● Data supplied:
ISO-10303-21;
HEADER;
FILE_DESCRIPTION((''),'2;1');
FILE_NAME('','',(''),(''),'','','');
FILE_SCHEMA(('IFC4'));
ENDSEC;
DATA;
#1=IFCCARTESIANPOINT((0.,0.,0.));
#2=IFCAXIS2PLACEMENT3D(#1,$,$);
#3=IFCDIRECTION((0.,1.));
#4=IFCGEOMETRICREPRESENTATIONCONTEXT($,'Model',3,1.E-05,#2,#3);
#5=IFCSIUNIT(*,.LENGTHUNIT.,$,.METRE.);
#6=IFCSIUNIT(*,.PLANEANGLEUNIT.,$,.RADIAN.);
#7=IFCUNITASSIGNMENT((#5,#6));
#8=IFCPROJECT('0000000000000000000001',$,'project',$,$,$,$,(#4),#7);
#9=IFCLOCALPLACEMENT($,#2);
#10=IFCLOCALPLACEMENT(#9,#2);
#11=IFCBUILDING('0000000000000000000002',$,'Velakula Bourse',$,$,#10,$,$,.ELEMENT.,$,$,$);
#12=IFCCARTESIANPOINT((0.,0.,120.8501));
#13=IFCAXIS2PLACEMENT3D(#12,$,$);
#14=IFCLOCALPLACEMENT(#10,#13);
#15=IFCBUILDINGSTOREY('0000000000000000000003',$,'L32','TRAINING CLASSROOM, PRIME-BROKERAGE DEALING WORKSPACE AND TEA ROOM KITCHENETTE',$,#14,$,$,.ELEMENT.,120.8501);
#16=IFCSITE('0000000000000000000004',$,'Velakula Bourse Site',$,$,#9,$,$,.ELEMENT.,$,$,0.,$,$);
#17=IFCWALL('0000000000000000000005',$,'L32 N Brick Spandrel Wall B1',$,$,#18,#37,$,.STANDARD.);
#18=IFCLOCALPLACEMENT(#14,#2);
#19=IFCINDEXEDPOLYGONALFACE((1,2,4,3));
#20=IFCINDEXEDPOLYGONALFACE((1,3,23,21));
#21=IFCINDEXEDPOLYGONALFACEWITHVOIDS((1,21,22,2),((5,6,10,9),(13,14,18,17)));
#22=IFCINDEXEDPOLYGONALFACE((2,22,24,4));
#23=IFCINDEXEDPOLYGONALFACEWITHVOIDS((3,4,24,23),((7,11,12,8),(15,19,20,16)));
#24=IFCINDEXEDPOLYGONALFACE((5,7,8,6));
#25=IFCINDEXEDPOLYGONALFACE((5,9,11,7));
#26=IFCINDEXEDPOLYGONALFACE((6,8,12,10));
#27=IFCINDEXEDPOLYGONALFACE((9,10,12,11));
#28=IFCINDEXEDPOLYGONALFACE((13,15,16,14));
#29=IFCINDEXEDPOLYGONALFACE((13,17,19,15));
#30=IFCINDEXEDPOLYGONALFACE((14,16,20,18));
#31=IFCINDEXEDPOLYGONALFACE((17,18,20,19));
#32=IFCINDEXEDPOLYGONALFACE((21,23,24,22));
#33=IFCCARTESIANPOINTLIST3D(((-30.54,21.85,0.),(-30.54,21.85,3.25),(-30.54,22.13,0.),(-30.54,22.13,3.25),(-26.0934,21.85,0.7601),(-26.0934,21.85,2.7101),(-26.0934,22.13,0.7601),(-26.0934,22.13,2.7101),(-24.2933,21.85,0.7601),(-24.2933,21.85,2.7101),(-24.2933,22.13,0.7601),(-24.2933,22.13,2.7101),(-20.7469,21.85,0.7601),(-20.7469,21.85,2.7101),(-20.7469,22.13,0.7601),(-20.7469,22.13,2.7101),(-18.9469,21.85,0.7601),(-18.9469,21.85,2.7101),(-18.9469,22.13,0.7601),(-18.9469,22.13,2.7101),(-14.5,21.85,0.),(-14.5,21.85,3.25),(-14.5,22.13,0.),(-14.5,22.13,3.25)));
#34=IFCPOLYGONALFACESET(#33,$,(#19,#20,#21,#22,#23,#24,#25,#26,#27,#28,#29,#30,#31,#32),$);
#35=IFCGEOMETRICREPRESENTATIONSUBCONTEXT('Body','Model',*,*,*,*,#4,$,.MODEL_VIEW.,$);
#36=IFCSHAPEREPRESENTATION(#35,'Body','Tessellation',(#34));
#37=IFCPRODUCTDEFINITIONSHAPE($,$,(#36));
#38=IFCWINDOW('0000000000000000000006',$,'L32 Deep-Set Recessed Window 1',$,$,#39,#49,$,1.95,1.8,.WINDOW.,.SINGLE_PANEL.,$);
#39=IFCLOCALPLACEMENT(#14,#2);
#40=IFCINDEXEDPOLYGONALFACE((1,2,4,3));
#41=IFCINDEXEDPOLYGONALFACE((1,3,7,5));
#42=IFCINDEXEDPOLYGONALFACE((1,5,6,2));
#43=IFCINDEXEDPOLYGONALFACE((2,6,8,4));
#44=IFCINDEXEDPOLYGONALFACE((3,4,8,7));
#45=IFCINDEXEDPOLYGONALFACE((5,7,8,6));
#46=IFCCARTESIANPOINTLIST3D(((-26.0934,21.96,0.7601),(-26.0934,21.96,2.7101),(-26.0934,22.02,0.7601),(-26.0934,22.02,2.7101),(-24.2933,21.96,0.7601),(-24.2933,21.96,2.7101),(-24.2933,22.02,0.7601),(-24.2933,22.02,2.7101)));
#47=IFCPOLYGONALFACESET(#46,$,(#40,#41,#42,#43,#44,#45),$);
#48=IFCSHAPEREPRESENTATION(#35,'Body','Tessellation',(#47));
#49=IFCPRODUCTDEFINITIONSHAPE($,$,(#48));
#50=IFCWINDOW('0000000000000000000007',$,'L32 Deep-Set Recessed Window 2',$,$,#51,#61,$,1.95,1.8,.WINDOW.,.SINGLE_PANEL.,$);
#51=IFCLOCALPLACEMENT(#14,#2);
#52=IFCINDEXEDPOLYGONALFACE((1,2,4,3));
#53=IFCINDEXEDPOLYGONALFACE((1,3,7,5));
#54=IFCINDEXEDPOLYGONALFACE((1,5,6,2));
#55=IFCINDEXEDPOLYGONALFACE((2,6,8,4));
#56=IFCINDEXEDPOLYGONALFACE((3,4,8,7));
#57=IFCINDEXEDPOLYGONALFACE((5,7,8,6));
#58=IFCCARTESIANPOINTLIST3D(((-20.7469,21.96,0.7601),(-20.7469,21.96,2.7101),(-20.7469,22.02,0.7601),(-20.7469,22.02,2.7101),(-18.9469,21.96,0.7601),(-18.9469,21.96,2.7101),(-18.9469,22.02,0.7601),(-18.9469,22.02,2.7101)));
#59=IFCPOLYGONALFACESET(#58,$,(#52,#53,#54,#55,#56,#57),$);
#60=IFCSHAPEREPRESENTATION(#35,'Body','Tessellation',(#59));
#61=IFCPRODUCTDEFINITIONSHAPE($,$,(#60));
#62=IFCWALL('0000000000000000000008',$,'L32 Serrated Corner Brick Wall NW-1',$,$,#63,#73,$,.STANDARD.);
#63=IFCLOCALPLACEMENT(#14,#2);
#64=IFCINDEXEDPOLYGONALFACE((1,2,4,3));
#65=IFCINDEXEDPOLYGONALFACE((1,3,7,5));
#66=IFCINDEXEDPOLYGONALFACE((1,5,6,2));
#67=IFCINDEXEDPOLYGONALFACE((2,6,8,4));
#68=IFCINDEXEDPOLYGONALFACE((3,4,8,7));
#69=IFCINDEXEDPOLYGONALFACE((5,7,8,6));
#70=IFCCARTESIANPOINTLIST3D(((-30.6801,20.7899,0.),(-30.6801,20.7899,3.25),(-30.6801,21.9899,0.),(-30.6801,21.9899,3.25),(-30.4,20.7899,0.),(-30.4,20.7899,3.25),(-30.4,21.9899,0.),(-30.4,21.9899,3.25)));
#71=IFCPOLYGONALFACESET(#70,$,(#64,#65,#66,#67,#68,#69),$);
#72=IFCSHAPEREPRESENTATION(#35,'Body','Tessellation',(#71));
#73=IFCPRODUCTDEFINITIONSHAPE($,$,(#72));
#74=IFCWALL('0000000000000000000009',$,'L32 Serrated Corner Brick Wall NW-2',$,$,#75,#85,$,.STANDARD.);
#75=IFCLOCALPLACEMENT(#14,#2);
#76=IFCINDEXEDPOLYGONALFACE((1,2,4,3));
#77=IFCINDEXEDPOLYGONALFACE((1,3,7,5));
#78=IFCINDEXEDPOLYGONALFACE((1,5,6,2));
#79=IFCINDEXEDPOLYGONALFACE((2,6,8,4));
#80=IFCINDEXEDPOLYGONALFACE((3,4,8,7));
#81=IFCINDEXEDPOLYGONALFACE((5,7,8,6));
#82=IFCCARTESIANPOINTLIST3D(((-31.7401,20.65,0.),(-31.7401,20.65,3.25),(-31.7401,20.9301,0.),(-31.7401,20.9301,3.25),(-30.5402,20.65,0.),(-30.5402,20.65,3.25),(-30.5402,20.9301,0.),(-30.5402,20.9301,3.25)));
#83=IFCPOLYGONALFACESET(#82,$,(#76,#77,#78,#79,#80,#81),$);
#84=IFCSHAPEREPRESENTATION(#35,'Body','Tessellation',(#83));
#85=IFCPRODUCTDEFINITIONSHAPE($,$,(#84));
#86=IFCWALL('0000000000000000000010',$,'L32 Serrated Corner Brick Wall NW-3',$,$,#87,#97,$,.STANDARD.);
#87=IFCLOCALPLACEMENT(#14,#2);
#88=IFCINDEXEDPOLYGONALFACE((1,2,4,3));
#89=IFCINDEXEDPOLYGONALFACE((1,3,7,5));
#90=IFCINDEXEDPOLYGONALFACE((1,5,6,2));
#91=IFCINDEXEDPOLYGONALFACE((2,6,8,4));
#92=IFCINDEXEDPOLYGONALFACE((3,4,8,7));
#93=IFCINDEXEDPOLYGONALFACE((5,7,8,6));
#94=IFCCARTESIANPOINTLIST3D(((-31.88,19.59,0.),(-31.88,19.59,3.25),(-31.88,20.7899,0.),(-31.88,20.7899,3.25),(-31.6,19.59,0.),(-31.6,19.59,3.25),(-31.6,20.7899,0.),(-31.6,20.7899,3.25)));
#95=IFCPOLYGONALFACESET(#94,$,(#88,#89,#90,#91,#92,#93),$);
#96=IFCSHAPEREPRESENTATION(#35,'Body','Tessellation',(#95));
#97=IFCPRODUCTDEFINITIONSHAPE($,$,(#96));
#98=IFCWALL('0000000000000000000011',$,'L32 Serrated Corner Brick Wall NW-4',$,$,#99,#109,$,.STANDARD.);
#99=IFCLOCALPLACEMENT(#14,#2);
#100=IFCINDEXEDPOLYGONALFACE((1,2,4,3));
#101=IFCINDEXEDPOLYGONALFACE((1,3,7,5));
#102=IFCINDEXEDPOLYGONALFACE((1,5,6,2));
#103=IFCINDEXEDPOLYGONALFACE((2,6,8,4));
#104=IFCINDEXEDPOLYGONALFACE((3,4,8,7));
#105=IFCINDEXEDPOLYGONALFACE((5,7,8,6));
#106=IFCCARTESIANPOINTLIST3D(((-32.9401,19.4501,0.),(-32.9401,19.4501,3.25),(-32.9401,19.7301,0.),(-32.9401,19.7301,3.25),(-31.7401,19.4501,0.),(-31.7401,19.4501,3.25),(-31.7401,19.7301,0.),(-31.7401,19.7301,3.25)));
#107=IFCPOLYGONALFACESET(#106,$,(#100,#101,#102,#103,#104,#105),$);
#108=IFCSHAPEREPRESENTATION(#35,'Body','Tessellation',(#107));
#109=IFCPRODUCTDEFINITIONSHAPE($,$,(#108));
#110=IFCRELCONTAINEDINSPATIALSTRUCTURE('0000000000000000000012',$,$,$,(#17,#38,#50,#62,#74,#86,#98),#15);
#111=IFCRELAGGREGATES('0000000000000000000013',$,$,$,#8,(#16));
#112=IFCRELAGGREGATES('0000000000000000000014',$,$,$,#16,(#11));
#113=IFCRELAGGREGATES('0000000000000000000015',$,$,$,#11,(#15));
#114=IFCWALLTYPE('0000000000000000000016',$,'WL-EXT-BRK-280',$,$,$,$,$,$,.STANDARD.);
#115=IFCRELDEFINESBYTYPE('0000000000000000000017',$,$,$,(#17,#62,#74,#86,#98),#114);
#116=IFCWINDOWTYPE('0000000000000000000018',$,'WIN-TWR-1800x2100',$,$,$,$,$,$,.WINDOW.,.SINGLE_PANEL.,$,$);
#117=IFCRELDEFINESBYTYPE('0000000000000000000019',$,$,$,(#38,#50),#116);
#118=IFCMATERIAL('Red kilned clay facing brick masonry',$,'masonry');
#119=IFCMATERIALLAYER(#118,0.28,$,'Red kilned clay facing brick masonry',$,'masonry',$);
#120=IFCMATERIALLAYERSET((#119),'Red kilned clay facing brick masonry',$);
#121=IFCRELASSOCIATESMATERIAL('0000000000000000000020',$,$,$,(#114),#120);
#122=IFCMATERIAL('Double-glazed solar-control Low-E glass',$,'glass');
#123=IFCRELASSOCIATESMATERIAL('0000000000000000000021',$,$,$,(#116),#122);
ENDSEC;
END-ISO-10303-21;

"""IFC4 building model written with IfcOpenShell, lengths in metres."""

from ifc_helpers import new_model, si_unit, direction, frame, frame_2d, origin, place, context, subcontext, project, spatial, rectangle, extrude, material, layer, layer_set, type_object, element, fill, save


model = new_model("IFC4")

# Units and contexts
model_context = context("Model", 3, precision=1e-05, world=origin(), true_north=direction((0.0, 1.0)))
body_context = subcontext(model_context, "Body", "Model", "MODEL_VIEW")
ifc_project = project(units=[si_unit("LENGTHUNIT", "METRE"), si_unit("PLANEANGLEUNIT", "RADIAN")], contexts=[model_context])

# Site, building, storey
site_placement = place(None, origin())
site = spatial("IfcSite", under=ifc_project, at=site_placement, Name="Velakula Bourse Site", CompositionType="ELEMENT", RefElevation=0.0)
building_placement = place(site_placement, origin())
building = spatial("IfcBuilding", under=site, at=building_placement, Name="Velakula Bourse", CompositionType="ELEMENT")
storey_placement = place(building_placement, frame((0.0, 0.0, 120.8501)))
storey = spatial("IfcBuildingStorey", under=building, at=storey_placement, Name="L32", Description="TRAINING CLASSROOM, PRIME-BROKERAGE DEALING WORKSPACE AND TEA ROOM KITCHENETTE", CompositionType="ELEMENT", Elevation=120.8501)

● What you have to do: Retype the lines above without alteration. The first is the one containing "#122=IFCMATERIAL('Double-glazed solar-control Low-E", and the last is the final line of the data.

● Completed task:
#122=IFCMATERIAL('Double-glazed solar-control Low-E glass',$,'glass');
#123=IFCRELASSOCIATESMATERIAL('0000000000000000000021',$,$,$,(#116),#122);
ENDSEC;
END-ISO-10303-21;

"""IFC4 building model written with IfcOpenShell, lengths in metres."""

from ifc_helpers import new_model, si_unit, direction, frame, frame_2d, origin, place, context, subcontext, project, spatial, rectangle, extrude, material, layer, layer_set, type_object, element, fill, save


model = new_model("IFC4")

# Units and contexts
model_context = context("Model", 3, precision=1e-05, world=origin(), true_north=direction((0.0, 1.0)))
body_context = subcontext(model_context, "Body", "Model", "MODEL_VIEW")
ifc_project = project(units=[si_unit("LENGTHUNIT", "METRE"), si_unit("PLANEANGLEUNIT", "RADIAN")], contexts=[model_context])

# Site, building, storey
site_placement = place(None, origin())
site = spatial("IfcSite", under=ifc_project, at=site_placement, Name="Velakula Bourse Site", CompositionType="ELEMENT", RefElevation=0.0)
building_placement = place(site_placement, origin())
building = spatial("IfcBuilding", under=site, at=building_placement, Name="Velakula Bourse", CompositionType="ELEMENT")
storey_placement = place(building_placement, frame((0.0, 0.0, 120.8501)))
storey = spatial("IfcBuildingStorey", under=building, at=storey_placement, Name="L32", Description="TRAINING CLASSROOM, PRIME-BROKERAGE DEALING WORKSPACE AND TEA ROOM KITCHENETTE", CompositionType="ELEMENT", Elevation=120.8501)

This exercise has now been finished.